Collected data:
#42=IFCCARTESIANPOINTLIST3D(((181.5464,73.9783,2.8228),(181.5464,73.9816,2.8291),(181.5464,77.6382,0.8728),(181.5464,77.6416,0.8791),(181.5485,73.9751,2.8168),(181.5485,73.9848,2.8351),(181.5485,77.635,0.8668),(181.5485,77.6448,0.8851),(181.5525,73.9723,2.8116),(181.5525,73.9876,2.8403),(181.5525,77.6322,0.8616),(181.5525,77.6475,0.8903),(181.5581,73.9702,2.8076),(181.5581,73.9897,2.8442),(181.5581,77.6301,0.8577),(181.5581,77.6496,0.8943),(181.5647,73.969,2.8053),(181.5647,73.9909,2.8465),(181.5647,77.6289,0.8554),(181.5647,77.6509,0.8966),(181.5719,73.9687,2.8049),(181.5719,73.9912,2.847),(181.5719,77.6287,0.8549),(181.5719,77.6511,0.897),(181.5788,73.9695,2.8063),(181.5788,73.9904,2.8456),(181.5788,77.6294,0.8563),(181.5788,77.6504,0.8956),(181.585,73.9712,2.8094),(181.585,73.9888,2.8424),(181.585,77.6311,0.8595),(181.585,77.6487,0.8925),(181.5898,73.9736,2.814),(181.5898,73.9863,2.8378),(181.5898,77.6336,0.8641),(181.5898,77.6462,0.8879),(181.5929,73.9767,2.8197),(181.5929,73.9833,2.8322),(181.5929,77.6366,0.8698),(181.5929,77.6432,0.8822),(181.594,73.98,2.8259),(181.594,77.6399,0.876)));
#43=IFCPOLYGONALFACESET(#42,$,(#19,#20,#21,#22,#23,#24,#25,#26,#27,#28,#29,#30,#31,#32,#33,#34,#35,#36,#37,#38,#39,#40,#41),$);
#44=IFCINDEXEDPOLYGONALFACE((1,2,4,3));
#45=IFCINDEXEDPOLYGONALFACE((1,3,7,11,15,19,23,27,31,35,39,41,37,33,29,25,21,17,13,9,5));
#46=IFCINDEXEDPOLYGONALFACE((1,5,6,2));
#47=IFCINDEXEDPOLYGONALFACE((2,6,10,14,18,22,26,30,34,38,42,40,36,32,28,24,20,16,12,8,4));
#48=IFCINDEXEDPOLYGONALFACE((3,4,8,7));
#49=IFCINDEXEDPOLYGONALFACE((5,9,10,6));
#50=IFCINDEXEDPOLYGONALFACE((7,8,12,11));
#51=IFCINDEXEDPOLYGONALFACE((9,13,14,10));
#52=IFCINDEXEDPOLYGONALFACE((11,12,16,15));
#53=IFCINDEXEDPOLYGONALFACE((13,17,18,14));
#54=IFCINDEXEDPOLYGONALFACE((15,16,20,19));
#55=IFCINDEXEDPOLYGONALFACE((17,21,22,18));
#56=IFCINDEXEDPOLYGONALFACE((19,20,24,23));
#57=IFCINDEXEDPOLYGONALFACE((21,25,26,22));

...

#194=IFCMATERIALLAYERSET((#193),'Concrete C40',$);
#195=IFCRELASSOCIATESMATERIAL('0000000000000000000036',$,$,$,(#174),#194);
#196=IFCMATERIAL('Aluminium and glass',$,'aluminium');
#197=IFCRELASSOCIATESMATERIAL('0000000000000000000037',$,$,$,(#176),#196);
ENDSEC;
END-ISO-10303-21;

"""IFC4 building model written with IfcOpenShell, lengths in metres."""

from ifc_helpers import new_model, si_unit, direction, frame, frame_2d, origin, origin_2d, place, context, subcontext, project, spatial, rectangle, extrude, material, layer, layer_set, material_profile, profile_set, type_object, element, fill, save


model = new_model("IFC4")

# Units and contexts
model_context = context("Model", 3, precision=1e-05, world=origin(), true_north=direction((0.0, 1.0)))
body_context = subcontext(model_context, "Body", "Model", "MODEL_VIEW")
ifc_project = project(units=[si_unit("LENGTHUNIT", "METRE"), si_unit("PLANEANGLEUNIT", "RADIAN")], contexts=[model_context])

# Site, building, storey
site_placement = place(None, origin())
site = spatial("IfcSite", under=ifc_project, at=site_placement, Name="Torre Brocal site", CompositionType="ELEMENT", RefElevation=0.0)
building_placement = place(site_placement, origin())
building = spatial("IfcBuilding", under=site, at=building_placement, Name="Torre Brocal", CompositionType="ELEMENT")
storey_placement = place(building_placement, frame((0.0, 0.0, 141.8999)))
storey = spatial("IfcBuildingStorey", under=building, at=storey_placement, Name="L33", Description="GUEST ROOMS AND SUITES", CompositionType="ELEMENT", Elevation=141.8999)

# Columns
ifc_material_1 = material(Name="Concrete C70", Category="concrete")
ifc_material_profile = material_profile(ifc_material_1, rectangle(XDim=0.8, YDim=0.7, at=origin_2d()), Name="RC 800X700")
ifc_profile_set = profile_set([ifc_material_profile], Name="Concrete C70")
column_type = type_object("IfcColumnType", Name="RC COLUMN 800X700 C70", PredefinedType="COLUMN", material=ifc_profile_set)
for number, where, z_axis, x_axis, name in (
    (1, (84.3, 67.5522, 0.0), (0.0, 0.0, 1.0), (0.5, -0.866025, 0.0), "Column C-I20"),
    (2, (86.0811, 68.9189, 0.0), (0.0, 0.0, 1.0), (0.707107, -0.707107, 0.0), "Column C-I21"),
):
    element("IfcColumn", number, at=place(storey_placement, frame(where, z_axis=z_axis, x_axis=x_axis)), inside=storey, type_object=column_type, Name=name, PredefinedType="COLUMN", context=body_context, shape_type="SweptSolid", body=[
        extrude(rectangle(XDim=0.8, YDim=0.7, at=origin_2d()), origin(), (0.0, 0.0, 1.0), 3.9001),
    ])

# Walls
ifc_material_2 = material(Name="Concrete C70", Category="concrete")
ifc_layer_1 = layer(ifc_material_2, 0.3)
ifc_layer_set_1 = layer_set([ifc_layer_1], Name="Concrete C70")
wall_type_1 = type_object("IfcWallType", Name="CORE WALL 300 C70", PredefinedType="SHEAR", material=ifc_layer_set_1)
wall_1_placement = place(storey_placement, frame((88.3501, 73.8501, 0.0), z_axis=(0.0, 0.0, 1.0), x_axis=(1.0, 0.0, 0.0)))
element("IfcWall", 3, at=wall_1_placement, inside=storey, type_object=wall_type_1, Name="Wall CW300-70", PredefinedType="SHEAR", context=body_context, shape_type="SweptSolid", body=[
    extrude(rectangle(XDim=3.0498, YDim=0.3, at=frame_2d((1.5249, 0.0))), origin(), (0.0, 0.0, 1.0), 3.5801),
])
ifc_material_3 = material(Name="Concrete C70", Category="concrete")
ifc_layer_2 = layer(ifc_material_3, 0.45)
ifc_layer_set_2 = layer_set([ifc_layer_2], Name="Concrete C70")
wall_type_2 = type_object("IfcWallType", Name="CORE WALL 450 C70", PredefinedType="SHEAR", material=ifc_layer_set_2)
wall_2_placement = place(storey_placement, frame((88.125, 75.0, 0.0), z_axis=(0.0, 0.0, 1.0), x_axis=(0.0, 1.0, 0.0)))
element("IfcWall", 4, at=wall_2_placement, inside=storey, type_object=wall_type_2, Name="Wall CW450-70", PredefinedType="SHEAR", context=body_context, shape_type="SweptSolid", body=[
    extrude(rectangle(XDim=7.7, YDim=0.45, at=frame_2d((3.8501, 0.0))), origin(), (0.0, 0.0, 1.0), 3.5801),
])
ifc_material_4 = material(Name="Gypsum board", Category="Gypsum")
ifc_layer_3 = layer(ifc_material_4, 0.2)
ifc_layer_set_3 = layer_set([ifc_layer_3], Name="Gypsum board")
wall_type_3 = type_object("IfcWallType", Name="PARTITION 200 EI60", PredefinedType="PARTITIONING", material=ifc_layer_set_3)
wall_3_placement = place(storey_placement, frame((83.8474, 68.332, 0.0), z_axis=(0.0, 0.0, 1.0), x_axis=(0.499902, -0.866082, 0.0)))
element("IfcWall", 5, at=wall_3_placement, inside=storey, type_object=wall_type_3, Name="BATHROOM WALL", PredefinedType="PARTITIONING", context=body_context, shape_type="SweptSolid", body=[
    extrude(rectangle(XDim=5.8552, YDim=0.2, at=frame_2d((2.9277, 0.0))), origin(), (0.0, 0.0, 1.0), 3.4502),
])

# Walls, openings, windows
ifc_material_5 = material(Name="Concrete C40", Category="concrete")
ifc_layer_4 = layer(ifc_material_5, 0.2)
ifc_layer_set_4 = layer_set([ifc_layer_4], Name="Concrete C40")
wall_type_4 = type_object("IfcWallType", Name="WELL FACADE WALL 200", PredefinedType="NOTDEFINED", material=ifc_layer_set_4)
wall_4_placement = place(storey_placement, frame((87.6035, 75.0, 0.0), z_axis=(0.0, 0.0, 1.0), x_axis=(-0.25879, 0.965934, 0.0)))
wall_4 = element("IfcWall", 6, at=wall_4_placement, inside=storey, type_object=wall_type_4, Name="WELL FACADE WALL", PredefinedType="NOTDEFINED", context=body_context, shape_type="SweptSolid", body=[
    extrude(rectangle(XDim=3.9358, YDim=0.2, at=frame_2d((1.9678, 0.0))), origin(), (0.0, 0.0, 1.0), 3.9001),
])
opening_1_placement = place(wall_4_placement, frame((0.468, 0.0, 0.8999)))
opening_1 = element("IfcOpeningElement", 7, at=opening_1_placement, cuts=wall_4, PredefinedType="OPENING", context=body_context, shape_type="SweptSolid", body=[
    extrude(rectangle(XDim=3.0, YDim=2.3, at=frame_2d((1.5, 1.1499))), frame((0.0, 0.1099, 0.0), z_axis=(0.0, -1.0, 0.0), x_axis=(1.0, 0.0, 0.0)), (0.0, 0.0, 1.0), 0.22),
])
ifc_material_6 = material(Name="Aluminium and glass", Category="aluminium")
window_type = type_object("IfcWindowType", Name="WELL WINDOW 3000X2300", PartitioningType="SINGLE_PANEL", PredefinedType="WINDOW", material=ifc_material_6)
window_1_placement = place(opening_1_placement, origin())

==

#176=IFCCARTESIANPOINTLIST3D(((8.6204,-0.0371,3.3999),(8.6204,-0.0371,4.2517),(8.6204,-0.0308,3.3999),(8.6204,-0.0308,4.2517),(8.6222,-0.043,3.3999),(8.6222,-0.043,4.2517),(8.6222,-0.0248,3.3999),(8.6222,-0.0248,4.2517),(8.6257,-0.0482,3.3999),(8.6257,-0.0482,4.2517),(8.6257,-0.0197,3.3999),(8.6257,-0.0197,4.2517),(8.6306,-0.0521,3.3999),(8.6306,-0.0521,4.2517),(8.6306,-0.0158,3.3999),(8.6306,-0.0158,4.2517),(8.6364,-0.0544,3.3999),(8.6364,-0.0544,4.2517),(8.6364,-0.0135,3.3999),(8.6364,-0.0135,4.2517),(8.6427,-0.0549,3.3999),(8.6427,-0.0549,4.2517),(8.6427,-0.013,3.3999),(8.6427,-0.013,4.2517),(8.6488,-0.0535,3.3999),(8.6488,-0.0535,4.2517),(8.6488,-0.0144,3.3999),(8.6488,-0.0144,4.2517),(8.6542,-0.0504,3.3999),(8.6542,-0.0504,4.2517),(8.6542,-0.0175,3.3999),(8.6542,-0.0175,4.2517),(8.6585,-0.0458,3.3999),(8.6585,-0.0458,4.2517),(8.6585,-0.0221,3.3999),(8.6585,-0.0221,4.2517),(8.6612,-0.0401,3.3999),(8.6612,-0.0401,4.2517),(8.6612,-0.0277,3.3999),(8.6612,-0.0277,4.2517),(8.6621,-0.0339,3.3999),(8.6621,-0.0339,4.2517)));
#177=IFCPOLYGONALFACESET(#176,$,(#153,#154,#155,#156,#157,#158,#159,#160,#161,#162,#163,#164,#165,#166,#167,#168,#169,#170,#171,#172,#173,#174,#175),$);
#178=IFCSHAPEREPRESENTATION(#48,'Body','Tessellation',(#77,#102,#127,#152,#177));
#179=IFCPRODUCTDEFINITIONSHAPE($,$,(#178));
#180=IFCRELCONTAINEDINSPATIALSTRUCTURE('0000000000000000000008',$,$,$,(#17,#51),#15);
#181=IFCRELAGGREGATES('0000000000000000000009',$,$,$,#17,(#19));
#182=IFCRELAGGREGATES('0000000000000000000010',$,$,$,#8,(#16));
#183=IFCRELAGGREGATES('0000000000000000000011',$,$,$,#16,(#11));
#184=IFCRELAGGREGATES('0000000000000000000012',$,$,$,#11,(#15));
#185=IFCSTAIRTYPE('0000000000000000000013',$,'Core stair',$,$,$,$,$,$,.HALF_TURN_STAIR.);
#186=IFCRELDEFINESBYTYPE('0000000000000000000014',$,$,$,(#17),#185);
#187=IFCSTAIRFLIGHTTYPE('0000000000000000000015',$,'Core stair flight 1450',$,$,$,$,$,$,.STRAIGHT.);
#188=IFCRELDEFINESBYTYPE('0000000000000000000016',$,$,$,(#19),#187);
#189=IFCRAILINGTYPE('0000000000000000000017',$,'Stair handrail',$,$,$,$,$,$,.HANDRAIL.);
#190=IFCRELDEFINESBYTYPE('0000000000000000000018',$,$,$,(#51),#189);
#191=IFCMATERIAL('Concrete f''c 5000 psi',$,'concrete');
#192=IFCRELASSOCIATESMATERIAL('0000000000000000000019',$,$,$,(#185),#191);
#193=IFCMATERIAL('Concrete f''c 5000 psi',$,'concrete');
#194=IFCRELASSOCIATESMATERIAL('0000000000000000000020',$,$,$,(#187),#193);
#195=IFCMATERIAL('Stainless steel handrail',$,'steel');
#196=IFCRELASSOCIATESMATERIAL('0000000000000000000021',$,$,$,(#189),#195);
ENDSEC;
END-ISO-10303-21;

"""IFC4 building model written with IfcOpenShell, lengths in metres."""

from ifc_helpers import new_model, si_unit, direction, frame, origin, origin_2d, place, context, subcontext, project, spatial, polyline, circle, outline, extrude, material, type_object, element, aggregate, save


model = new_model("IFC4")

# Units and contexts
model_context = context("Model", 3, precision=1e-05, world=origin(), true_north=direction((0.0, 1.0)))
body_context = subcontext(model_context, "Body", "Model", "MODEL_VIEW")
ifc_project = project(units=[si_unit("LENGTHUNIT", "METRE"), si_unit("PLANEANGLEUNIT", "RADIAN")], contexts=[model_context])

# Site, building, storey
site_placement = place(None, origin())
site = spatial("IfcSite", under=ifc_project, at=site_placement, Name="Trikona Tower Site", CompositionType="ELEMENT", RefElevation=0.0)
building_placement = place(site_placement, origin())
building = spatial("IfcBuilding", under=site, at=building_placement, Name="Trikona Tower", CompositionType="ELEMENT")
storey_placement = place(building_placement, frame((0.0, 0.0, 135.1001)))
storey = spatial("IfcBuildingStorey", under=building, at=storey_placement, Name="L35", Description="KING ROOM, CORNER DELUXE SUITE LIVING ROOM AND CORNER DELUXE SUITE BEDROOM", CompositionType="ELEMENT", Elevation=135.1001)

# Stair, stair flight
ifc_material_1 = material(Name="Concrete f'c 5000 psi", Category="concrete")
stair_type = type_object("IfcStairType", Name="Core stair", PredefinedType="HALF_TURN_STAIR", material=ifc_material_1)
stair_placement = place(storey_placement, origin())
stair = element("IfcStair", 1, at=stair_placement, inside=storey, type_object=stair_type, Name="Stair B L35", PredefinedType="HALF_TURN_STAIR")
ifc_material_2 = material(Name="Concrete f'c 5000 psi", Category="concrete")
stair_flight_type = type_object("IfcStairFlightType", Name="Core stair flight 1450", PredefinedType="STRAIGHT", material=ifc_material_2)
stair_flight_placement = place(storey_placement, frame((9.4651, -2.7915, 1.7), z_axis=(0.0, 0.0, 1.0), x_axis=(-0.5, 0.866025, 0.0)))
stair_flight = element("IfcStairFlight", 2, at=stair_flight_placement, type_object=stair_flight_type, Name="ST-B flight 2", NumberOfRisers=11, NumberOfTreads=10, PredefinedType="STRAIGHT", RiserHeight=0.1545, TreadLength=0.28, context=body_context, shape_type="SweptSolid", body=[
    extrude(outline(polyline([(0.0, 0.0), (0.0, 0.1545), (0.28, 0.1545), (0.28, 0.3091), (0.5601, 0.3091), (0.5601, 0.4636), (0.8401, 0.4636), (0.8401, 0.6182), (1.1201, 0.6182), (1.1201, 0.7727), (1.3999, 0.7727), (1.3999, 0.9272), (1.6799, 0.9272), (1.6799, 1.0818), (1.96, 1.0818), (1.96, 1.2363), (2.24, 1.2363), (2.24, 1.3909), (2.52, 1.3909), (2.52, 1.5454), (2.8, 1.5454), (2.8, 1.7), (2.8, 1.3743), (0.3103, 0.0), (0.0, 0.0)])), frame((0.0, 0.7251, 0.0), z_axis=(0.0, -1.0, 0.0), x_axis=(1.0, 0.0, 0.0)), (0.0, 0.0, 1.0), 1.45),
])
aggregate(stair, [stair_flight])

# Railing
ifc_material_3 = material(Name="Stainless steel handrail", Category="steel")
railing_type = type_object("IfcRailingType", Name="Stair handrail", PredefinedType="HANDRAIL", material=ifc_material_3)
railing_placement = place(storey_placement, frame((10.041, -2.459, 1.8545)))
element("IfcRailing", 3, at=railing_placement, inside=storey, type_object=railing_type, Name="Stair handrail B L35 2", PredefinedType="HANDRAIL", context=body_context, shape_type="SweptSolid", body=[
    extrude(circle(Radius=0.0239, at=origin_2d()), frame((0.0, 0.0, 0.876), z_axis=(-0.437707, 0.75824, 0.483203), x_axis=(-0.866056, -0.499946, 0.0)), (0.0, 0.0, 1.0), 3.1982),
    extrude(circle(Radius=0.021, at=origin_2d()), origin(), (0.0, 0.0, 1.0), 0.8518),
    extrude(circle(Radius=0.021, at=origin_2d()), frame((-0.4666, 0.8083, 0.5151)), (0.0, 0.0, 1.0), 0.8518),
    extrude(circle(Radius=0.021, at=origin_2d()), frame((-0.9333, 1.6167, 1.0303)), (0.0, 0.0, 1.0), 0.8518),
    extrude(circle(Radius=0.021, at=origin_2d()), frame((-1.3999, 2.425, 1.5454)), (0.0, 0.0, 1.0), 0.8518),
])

* **Directions**
Your answer should be the exact lines above from the one with "#52=IFCINDEXEDPOLYGONALFACE((11,12,16,15));" through the one with "#57=IFCINDEXEDPOLYGONALFACE((21,25,26,22));", both included, and nothing besides.

* **Task response**
#52=IFCINDEXEDPOLYGONALFACE((11,12,16,15));
#53=IFCINDEXEDPOLYGONALFACE((13,17,18,14));
#54=IFCINDEXEDPOLYGONALFACE((15,16,20,19));
#55=IFCINDEXEDPOLYGONALFACE((17,21,22,18));
#56=IFCINDEXEDPOLYGONALFACE((19,20,24,23));
#57=IFCINDEXEDPOLYGONALFACE((21,25,26,22));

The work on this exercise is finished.